ENTRIES SHOWN Start Marker

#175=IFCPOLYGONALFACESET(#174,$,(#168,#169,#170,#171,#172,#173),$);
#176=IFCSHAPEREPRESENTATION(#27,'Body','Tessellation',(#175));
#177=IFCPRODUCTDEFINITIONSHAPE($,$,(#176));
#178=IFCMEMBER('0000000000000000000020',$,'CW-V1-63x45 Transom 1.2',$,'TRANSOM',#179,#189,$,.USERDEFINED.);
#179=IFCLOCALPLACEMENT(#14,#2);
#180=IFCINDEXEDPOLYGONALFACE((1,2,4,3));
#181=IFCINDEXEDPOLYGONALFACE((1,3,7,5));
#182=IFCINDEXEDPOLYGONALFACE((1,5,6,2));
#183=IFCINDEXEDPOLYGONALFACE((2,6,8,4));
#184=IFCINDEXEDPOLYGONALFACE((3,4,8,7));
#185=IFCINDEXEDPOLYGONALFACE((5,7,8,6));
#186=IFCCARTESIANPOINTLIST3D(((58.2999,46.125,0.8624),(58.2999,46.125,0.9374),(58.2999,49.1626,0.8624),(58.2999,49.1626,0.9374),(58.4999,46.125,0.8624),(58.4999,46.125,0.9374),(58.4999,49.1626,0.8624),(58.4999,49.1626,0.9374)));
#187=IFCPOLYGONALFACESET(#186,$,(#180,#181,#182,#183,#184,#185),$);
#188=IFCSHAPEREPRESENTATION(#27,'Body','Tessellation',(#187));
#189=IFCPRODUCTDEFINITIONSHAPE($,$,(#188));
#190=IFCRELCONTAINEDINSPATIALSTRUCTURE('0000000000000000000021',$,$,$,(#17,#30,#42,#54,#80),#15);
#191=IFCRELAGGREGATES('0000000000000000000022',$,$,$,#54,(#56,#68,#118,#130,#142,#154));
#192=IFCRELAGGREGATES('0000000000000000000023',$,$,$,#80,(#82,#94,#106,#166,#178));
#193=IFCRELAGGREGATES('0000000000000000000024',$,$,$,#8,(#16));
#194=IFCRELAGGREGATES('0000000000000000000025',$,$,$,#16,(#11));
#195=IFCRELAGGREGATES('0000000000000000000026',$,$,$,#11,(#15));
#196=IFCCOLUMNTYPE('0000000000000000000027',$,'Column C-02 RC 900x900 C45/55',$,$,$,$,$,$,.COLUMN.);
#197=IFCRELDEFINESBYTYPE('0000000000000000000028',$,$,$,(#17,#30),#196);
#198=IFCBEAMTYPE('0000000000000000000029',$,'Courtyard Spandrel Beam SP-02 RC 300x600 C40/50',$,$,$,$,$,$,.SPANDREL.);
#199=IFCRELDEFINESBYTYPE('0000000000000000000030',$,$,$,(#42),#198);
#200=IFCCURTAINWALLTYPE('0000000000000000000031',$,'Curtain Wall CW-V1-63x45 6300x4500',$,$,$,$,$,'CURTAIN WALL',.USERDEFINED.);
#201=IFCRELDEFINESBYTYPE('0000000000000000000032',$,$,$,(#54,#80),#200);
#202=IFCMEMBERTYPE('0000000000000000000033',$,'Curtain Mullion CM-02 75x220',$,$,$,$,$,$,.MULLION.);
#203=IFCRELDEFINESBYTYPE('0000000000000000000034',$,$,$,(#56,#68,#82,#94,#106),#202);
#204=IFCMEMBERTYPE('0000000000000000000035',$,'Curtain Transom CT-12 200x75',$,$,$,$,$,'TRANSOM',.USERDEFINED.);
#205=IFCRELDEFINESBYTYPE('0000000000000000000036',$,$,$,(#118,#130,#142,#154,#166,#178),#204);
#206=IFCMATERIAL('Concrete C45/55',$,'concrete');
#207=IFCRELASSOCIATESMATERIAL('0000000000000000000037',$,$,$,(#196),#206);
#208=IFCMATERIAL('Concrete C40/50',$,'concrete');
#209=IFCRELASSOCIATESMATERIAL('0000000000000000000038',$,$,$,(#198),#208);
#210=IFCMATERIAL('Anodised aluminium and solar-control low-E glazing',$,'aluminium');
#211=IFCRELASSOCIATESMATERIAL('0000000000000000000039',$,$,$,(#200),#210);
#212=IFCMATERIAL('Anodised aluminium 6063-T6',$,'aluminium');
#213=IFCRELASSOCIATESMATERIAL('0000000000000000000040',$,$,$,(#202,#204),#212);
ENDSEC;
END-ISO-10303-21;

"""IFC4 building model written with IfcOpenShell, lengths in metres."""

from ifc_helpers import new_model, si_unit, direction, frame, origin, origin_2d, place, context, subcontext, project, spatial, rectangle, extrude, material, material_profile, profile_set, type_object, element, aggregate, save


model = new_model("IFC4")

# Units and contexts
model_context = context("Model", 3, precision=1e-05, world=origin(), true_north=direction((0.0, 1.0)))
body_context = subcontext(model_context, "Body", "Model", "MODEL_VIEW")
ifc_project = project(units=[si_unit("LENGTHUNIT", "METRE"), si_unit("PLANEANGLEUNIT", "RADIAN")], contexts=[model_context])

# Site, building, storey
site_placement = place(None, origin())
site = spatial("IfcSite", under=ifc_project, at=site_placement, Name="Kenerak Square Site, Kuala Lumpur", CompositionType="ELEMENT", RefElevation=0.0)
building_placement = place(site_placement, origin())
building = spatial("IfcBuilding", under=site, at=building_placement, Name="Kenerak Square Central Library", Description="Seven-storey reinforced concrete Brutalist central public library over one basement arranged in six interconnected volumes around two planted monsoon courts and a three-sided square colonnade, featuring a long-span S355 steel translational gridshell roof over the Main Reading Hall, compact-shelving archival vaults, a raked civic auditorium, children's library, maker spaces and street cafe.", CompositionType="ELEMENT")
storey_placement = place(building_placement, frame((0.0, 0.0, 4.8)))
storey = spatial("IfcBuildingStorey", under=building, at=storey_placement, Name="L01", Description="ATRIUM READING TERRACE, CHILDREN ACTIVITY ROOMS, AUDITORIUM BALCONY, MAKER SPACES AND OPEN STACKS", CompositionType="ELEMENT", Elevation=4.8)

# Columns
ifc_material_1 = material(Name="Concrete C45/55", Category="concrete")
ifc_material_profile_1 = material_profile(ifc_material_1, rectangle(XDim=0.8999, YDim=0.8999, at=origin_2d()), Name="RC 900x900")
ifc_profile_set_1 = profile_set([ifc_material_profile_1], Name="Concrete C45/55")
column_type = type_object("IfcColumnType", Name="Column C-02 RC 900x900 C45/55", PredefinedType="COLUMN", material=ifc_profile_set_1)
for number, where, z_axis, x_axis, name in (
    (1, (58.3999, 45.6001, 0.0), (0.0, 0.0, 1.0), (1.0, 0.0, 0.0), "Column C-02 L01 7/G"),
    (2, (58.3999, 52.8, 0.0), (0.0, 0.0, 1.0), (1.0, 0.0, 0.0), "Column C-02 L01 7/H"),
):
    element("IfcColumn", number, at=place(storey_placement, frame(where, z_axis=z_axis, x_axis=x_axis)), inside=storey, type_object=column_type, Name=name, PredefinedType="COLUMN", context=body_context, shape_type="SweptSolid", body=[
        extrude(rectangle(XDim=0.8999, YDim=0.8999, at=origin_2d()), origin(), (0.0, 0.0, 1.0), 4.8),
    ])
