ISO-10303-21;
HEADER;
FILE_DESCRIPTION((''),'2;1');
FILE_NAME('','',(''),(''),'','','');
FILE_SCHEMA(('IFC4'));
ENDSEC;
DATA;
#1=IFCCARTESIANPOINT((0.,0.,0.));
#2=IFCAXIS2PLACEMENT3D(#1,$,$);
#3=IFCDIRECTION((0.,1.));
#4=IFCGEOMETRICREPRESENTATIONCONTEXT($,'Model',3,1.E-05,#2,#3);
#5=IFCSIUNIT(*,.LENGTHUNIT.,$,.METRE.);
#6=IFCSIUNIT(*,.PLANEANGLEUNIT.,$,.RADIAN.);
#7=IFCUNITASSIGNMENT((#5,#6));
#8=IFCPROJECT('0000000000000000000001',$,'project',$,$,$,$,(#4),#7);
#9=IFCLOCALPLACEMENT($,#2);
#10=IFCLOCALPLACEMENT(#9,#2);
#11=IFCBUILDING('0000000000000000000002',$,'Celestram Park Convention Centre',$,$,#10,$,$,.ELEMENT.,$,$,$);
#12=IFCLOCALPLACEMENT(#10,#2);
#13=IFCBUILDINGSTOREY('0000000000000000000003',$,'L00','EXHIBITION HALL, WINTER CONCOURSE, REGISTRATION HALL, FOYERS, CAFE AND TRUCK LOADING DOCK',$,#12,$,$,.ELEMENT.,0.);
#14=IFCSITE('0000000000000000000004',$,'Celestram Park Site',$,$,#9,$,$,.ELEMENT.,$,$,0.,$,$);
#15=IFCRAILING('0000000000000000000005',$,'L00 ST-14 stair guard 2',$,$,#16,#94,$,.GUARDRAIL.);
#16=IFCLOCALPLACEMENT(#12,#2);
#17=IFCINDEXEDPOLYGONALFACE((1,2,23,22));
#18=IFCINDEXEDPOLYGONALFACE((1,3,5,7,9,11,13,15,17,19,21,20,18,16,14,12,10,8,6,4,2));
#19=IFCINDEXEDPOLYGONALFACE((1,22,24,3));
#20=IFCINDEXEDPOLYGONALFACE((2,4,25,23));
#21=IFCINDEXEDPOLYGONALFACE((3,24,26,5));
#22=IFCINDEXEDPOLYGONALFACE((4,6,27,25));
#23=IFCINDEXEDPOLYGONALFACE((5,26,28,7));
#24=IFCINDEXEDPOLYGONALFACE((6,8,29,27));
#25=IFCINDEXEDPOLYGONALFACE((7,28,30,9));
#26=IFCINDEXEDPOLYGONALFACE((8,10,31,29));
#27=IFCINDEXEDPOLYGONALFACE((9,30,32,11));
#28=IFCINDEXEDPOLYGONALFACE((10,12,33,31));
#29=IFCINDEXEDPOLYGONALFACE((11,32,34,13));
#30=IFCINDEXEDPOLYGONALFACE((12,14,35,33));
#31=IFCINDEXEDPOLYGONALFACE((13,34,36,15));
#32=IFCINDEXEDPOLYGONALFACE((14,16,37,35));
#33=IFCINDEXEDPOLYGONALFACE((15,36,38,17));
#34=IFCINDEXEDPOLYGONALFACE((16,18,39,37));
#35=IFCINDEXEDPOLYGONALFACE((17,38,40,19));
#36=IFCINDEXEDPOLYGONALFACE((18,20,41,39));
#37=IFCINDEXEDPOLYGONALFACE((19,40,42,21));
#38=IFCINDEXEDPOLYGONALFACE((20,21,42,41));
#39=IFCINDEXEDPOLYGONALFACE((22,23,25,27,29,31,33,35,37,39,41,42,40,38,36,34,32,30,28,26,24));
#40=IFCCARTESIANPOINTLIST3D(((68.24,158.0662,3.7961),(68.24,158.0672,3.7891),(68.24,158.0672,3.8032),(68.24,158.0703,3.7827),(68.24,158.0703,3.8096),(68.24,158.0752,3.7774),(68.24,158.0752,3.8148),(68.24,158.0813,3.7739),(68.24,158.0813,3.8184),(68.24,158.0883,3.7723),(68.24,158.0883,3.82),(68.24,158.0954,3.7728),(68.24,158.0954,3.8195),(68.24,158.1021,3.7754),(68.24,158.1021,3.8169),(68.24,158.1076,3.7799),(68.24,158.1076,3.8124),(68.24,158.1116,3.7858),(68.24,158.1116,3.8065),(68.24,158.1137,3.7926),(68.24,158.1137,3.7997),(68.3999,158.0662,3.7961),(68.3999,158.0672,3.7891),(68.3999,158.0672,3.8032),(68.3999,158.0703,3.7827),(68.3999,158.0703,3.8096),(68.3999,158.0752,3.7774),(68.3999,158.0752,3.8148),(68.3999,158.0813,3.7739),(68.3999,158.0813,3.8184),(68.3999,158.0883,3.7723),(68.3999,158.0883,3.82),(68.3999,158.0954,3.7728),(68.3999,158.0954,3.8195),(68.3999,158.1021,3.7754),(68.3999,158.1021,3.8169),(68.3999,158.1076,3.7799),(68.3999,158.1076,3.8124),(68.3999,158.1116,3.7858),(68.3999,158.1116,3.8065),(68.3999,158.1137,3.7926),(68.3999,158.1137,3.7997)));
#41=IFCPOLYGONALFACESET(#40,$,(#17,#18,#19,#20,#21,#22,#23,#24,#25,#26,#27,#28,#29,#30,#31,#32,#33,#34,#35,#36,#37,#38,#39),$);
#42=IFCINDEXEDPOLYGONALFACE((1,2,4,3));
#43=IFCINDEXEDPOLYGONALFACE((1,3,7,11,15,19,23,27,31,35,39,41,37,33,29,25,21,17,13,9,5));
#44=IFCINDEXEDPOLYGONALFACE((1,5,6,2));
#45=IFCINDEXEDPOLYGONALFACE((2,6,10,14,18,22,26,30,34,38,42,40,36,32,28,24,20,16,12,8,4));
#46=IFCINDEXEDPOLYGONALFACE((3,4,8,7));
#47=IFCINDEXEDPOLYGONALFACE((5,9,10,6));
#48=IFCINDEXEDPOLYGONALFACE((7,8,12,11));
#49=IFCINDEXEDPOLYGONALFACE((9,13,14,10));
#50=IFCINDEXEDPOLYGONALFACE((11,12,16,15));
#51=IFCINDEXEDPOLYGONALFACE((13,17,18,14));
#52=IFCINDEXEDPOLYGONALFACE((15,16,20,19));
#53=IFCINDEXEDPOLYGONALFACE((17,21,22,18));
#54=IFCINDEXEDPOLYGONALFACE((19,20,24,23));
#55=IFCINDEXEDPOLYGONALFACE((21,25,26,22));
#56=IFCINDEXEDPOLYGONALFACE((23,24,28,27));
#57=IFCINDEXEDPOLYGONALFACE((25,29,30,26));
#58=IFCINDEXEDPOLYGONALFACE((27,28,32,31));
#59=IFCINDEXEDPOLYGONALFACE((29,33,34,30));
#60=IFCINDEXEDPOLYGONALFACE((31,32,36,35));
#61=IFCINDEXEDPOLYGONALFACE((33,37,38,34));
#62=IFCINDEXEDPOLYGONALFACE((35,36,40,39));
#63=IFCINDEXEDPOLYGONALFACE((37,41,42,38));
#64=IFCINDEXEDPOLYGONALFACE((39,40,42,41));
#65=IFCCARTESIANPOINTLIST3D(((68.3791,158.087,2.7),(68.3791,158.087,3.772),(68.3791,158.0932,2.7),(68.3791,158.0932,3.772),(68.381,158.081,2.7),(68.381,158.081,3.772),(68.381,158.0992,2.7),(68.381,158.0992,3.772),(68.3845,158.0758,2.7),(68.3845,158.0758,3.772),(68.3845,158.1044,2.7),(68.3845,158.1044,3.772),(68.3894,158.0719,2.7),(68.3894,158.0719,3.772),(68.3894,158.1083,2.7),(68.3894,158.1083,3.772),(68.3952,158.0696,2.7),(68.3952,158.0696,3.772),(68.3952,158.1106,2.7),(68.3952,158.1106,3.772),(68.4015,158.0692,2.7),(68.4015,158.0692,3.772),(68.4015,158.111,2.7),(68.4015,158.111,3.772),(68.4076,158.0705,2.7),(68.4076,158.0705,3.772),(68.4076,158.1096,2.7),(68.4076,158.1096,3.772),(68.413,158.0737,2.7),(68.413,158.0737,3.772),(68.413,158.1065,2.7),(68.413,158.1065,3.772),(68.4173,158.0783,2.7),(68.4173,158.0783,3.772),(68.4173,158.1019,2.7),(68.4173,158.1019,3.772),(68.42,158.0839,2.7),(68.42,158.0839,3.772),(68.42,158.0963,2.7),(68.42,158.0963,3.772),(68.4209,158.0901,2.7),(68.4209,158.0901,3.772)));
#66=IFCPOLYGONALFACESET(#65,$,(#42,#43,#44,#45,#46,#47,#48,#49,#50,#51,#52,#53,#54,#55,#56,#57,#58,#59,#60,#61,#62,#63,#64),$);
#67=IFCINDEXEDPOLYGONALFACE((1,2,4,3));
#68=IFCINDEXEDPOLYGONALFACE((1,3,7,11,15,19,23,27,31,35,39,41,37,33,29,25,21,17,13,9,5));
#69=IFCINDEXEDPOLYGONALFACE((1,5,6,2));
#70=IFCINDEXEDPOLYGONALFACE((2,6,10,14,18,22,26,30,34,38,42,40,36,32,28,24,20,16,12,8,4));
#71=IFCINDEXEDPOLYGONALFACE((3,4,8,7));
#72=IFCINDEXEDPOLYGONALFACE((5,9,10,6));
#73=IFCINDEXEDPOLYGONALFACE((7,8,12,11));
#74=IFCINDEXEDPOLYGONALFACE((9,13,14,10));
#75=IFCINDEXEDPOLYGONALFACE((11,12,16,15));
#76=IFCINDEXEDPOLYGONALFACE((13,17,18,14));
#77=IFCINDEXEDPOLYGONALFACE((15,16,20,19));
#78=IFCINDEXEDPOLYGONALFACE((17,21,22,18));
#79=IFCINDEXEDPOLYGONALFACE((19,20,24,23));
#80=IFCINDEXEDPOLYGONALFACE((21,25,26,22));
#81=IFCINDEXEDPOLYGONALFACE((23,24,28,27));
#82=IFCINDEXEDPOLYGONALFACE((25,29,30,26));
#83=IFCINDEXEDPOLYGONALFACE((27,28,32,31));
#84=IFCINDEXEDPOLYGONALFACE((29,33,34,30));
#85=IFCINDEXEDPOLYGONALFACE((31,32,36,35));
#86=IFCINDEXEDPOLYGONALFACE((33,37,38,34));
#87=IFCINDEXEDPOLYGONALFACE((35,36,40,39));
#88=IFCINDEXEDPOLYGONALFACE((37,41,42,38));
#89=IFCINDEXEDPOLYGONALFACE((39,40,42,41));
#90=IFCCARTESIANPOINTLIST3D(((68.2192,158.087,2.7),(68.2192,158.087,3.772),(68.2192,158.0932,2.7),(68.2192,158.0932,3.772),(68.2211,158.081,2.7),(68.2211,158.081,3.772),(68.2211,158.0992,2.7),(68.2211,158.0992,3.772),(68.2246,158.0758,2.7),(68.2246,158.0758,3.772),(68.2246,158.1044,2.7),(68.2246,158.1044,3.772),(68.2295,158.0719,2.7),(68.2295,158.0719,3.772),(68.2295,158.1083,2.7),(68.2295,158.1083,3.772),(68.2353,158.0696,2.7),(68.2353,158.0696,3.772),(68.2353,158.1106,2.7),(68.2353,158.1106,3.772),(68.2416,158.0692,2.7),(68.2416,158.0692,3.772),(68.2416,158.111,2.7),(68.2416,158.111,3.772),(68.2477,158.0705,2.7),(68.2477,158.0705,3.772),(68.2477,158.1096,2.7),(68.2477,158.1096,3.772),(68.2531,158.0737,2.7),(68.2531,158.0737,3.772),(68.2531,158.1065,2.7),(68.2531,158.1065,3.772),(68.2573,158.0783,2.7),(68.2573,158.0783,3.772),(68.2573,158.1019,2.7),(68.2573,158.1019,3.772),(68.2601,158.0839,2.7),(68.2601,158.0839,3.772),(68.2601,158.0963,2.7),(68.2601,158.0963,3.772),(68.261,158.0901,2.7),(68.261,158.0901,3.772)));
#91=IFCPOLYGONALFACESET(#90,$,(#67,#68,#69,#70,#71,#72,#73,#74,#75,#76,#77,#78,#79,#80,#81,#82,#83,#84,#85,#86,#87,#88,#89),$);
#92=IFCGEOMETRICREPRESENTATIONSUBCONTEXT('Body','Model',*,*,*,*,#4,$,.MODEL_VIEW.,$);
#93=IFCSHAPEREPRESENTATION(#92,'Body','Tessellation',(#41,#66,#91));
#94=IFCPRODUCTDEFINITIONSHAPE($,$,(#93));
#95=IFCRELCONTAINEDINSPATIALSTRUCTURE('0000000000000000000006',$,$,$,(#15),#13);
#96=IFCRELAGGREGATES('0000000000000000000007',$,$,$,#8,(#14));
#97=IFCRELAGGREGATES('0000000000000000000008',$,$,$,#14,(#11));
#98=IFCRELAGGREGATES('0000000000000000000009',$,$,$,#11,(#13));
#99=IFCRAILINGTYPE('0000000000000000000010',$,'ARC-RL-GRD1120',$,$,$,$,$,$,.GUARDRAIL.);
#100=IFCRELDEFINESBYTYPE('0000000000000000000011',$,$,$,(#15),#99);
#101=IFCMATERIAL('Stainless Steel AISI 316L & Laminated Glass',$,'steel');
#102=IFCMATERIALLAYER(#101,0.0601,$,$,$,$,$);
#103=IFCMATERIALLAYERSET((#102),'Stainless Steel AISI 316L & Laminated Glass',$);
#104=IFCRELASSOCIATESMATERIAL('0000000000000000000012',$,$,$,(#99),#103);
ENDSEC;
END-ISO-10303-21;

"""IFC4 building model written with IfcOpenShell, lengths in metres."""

from ifc_helpers import new_model, si_unit, direction, frame, origin, origin_2d, place, context, subcontext, project, spatial, circle, extrude, material, layer, layer_set, type_object, element, save


model = new_model("IFC4")

# Units and contexts
model_context = context("Model", 3, precision=1e-05, world=origin(), true_north=direction((0.0, 1.0)))
body_context = subcontext(model_context, "Body", "Model", "MODEL_VIEW")
ifc_project = project(units=[si_unit("LENGTHUNIT", "METRE"), si_unit("PLANEANGLEUNIT", "RADIAN")], contexts=[model_context])

# Site, building, storey
site_placement = place(None, origin())
site = spatial("IfcSite", under=ifc_project, at=site_placement, Name="Celestram Park Site", CompositionType="ELEMENT", RefElevation=0.0)
building_placement = place(site_placement, origin())
building = spatial("IfcBuilding", under=site, at=building_placement, Name="Celestram Park Convention Centre", CompositionType="ELEMENT")
storey_placement = place(building_placement, origin())
storey = spatial("IfcBuildingStorey", under=building, at=storey_placement, Name="L00", Description="EXHIBITION HALL, WINTER CONCOURSE, REGISTRATION HALL, FOYERS, CAFE AND TRUCK LOADING DOCK", CompositionType="ELEMENT", Elevation=0.0)

# Railing
ifc_material_1 = material(Name="Stainless Steel AISI 316L & Laminated Glass", Category="steel")
ifc_layer_1 = layer(ifc_material_1, 0.0601)
ifc_layer_set_1 = layer_set([ifc_layer_1], Name="Stainless Steel AISI 316L & Laminated Glass")
railing_type_1 = type_object("IfcRailingType", Name="ARC-RL-GRD1120", PredefinedType="GUARDRAIL", material=ifc_layer_set_1)
railing_1_placement = place(storey_placement, frame((68.3999, 158.0901, 2.7)))
element("IfcRailing", 1, at=railing_1_placement, inside=storey, type_object=railing_type_1, Name="L00 ST-14 stair guard 2", PredefinedType="GUARDRAIL", context=body_context, shape_type="SweptSolid", body=[
    extrude(circle(Radius=0.0239, at=origin_2d()), frame((0.0, 0.0, 1.0962), z_axis=(-1.0, 0.0, 0.0), x_axis=(0.0, -1.0, 0.0)), (0.0, 0.0, 1.0), 0.1599),
    extrude(circle(Radius=0.021, at=origin_2d()), origin(), (0.0, 0.0, 1.0), 1.072),
    extrude(circle(Radius=0.021, at=origin_2d()), frame((-0.1599, 0.0, 0.0)), (0.0, 0.0, 1.0), 1.072),
])

save(model, "model.ifc")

ENTRIES SHOWN End Marker

# DIRECTIONS
Your task is to quote, without any alteration, the lines running from the top of the records to the line that holds "#188=IFCSHAPEREPRESENTATION(#27,'Body','Tessellation',(#187));", both included.

# TASK SOLUTION
#175=IFCPOLYGONALFACESET(#174,$,(#168,#169,#170,#171,#172,#173),$);
#176=IFCSHAPEREPRESENTATION(#27,'Body','Tessellation',(#175));
#177=IFCPRODUCTDEFINITIONSHAPE($,$,(#176));
#178=IFCMEMBER('0000000000000000000020',$,'CW-V1-63x45 Transom 1.2',$,'TRANSOM',#179,#189,$,.USERDEFINED.);
#179=IFCLOCALPLACEMENT(#14,#2);
#180=IFCINDEXEDPOLYGONALFACE((1,2,4,3));
#181=IFCINDEXEDPOLYGONALFACE((1,3,7,5));
#182=IFCINDEXEDPOLYGONALFACE((1,5,6,2));
#183=IFCINDEXEDPOLYGONALFACE((2,6,8,4));
#184=IFCINDEXEDPOLYGONALFACE((3,4,8,7));
#185=IFCINDEXEDPOLYGONALFACE((5,7,8,6));
#186=IFCCARTESIANPOINTLIST3D(((58.2999,46.125,0.8624),(58.2999,46.125,0.9374),(58.2999,49.1626,0.8624),(58.2999,49.1626,0.9374),(58.4999,46.125,0.8624),(58.4999,46.125,0.9374),(58.4999,49.1626,0.8624),(58.4999,49.1626,0.9374)));
#187=IFCPOLYGONALFACESET(#186,$,(#180,#181,#182,#183,#184,#185),$);
#188=IFCSHAPEREPRESENTATION(#27,'Body','Tessellation',(#187));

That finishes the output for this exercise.